Stored data>

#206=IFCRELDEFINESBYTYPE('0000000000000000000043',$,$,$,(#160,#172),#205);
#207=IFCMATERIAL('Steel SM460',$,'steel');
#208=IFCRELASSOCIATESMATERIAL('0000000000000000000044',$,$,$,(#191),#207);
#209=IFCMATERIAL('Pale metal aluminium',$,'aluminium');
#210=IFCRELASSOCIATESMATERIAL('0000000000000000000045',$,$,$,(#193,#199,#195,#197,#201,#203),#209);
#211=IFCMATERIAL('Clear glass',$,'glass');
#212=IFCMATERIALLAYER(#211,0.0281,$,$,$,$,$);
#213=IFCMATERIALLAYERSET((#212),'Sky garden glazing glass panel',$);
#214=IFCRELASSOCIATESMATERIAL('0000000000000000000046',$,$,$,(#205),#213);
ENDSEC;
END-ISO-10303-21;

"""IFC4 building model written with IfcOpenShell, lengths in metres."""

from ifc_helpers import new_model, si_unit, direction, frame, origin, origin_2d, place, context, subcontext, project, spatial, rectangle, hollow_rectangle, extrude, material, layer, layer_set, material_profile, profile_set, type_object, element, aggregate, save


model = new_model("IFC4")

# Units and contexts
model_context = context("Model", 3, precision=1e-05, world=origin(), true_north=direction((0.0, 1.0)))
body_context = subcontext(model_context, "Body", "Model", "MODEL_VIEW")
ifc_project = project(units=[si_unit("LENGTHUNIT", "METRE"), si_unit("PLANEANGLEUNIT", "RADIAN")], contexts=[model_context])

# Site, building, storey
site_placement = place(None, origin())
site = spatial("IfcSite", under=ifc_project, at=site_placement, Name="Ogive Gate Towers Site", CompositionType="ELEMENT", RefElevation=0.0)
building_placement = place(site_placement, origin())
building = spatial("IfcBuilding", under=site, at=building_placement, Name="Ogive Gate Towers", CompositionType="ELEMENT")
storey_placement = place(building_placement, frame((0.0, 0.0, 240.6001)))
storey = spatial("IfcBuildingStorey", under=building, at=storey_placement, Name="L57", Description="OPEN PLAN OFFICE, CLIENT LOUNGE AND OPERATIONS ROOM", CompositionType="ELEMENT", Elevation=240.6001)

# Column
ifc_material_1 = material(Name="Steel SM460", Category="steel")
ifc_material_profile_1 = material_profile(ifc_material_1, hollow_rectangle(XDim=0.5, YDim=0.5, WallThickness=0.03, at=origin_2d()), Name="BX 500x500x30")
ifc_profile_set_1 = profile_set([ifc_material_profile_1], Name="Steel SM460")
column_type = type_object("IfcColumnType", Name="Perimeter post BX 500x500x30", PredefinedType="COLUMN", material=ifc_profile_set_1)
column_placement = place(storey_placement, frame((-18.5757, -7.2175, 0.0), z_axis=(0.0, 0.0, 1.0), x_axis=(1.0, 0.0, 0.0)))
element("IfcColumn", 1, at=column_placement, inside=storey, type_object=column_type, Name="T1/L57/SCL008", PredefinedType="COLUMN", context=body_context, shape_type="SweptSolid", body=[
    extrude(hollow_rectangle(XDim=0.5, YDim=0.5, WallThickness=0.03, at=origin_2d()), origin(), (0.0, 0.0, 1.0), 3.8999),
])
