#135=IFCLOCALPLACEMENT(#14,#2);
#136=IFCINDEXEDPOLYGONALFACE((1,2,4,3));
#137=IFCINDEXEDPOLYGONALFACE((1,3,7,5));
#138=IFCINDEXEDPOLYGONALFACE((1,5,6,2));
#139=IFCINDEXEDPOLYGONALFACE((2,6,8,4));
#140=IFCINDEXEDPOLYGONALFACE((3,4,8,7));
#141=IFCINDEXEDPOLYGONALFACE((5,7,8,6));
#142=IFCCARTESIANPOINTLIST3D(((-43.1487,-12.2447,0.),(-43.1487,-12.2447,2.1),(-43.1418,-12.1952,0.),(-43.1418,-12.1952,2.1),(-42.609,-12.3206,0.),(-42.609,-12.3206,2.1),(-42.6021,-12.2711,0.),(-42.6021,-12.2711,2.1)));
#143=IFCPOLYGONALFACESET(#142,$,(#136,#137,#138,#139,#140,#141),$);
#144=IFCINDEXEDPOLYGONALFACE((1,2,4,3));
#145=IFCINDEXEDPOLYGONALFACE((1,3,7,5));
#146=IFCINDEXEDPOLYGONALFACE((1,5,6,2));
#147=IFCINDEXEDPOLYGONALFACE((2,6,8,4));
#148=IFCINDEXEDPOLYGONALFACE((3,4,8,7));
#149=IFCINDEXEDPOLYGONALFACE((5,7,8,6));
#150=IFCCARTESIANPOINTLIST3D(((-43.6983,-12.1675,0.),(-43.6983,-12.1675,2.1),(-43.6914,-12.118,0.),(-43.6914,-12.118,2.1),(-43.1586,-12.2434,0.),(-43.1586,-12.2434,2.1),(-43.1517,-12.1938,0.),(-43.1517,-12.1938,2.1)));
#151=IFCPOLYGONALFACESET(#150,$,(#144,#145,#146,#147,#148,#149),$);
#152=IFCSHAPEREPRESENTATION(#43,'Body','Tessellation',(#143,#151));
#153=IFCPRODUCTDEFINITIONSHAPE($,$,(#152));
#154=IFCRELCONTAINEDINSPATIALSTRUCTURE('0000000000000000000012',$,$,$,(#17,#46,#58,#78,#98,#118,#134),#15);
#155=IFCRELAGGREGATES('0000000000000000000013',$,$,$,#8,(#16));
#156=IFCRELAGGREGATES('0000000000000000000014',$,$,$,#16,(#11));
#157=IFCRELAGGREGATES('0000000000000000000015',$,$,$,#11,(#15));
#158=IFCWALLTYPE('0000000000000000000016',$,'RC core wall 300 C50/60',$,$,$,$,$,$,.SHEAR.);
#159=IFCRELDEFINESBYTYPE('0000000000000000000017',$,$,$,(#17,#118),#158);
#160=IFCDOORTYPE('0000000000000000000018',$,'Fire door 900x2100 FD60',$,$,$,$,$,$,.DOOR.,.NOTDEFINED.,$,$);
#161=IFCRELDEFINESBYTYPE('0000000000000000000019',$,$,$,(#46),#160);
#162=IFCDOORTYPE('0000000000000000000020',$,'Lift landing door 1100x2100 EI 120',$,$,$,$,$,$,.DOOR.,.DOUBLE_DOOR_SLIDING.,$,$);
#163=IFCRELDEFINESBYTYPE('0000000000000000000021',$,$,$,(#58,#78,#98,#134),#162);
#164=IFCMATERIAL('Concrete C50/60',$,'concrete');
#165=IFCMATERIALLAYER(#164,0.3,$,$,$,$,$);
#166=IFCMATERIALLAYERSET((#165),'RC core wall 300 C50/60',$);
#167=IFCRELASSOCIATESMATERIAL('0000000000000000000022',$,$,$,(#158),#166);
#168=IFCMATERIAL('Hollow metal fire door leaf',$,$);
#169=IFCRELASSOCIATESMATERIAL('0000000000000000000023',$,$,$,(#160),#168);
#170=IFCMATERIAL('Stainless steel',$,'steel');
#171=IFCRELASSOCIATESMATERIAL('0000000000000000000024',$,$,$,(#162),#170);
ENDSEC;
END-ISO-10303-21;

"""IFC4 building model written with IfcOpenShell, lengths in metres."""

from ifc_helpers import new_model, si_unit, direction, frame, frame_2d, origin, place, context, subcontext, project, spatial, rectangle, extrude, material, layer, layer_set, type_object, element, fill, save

* * *

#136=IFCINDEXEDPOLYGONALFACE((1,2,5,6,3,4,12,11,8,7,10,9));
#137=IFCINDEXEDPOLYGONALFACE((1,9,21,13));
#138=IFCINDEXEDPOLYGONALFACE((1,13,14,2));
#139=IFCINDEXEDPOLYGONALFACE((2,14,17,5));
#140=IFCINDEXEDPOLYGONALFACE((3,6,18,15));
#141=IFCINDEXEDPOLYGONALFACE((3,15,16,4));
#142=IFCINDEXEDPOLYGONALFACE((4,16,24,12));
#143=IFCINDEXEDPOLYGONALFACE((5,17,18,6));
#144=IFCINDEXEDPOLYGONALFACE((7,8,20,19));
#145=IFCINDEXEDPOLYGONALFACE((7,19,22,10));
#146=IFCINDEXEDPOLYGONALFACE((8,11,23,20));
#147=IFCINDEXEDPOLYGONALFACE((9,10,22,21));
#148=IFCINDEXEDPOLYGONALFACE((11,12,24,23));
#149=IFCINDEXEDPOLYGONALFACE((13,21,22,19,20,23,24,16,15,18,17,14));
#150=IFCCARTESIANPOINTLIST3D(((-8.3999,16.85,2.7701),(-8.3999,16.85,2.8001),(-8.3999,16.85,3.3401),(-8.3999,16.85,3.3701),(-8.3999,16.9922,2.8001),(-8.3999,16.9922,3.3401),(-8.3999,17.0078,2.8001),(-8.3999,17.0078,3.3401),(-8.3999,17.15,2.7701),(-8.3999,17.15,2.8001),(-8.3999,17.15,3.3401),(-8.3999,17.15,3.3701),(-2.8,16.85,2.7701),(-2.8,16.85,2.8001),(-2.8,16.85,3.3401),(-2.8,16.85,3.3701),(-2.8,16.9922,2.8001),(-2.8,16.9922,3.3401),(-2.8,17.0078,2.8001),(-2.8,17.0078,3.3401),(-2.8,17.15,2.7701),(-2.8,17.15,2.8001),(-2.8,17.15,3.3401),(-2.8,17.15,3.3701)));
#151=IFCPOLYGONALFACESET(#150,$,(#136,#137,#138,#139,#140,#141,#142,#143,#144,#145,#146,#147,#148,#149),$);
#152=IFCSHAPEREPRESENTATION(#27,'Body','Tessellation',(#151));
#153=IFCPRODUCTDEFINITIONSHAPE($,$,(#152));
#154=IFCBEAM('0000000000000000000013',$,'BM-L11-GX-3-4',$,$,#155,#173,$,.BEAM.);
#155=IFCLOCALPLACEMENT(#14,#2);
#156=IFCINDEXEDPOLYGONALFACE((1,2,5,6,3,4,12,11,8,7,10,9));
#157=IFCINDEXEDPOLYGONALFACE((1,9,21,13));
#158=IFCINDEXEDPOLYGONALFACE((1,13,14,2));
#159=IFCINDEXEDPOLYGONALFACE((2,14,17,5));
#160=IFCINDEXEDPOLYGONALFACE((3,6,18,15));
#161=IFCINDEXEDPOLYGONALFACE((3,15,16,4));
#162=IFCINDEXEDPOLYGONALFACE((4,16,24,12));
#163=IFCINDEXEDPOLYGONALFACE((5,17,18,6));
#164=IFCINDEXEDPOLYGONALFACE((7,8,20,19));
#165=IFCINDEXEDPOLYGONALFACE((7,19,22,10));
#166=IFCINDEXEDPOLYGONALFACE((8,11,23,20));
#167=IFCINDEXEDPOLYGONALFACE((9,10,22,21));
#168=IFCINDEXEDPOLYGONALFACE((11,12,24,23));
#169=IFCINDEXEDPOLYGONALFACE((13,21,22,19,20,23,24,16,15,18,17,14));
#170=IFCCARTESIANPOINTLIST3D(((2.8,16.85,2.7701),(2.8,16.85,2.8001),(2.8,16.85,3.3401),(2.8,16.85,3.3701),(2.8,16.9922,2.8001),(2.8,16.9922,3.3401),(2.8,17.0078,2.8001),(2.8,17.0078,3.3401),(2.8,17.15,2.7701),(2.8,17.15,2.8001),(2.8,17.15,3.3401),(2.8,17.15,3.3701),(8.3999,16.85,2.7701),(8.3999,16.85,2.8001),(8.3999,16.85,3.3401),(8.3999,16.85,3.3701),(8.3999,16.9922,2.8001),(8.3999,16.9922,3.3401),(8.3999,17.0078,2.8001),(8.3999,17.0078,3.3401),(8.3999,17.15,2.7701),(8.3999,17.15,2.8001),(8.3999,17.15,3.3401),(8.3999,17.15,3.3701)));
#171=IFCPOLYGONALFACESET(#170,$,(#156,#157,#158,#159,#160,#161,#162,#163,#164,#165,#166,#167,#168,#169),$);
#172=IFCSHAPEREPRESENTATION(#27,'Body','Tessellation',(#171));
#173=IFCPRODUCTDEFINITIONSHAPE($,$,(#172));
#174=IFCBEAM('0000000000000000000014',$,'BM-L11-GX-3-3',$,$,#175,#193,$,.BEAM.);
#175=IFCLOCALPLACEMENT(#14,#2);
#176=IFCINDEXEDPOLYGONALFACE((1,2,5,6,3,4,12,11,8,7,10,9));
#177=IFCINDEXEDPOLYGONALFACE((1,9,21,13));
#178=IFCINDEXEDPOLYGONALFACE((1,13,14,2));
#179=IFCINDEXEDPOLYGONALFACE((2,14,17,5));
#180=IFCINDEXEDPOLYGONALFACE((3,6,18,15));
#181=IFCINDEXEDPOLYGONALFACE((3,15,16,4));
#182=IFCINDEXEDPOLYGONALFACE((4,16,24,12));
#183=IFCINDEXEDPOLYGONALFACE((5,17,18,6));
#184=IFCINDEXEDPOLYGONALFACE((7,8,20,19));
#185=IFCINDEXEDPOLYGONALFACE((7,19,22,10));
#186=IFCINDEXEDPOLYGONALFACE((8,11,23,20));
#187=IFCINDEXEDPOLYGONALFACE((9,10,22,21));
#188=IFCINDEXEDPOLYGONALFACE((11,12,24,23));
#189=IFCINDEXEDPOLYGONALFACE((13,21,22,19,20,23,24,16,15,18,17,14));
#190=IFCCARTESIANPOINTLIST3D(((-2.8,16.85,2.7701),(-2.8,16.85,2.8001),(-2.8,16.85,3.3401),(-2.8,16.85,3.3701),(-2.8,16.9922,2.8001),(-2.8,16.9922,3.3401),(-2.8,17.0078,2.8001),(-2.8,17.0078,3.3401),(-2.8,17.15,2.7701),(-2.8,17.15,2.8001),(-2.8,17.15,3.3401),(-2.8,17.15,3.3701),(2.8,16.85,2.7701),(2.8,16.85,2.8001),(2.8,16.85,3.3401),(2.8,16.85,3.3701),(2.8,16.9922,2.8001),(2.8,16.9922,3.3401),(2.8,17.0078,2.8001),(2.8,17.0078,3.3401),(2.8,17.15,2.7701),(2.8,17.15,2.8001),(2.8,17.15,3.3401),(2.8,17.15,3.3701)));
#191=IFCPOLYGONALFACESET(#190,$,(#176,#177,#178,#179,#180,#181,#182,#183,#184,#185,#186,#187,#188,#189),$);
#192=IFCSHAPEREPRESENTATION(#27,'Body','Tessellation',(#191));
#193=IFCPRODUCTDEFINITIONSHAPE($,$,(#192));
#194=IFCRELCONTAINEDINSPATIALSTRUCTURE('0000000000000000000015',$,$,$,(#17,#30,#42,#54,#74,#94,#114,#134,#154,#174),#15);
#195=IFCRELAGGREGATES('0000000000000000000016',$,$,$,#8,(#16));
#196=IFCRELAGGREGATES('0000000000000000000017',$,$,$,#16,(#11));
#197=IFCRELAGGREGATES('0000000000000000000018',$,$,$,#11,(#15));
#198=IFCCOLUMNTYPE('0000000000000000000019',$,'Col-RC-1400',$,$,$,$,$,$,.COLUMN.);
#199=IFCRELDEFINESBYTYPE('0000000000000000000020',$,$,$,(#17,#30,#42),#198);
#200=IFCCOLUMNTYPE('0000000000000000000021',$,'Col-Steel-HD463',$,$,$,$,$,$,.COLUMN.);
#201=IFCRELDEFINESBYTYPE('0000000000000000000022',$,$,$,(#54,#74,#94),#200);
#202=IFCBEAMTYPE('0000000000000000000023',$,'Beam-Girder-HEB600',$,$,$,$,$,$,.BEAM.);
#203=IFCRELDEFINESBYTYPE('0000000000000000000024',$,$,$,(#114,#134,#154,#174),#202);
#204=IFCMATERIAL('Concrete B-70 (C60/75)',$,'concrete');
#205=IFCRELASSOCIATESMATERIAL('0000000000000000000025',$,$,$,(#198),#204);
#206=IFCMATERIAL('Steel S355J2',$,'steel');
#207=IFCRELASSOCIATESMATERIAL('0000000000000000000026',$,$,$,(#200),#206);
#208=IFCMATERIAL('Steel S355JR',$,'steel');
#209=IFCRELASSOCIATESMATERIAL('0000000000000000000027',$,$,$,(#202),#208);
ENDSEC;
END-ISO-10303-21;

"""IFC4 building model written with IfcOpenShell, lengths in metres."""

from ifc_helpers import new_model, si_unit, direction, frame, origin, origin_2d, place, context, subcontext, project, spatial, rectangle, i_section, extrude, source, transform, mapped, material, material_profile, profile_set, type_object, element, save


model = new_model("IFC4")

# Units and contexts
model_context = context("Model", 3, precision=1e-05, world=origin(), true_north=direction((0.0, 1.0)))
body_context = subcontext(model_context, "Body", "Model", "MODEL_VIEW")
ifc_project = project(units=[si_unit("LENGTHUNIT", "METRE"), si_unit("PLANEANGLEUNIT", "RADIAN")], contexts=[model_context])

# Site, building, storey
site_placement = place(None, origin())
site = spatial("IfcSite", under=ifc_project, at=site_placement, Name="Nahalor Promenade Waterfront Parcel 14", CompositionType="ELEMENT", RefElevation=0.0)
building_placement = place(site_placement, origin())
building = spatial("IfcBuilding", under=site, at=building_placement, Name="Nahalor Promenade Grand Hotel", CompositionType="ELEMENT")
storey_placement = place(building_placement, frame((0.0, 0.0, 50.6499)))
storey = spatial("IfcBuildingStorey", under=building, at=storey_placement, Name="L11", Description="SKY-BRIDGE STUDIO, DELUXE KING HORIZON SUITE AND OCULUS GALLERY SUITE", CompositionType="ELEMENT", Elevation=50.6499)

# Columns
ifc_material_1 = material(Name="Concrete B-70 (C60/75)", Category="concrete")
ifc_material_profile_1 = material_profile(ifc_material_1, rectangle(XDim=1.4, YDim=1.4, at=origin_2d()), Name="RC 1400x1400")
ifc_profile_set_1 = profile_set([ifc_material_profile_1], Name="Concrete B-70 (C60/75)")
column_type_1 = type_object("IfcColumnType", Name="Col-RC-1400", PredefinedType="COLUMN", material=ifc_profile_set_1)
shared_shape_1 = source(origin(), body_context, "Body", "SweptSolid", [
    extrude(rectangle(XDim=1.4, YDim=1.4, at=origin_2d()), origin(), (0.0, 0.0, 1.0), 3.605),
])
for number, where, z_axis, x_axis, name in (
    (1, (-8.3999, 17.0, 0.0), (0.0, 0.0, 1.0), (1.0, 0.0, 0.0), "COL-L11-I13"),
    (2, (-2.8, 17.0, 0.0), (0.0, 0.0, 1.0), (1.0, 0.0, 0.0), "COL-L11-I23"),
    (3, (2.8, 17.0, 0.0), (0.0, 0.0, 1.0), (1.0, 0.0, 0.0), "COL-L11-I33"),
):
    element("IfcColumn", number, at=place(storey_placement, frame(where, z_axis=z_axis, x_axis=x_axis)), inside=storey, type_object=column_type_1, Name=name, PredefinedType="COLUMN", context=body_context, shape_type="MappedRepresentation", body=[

Exercise instructions>
Count the lines above that contain "IFCPOLYGONALFACESET", and give only the number.

Answer box>
5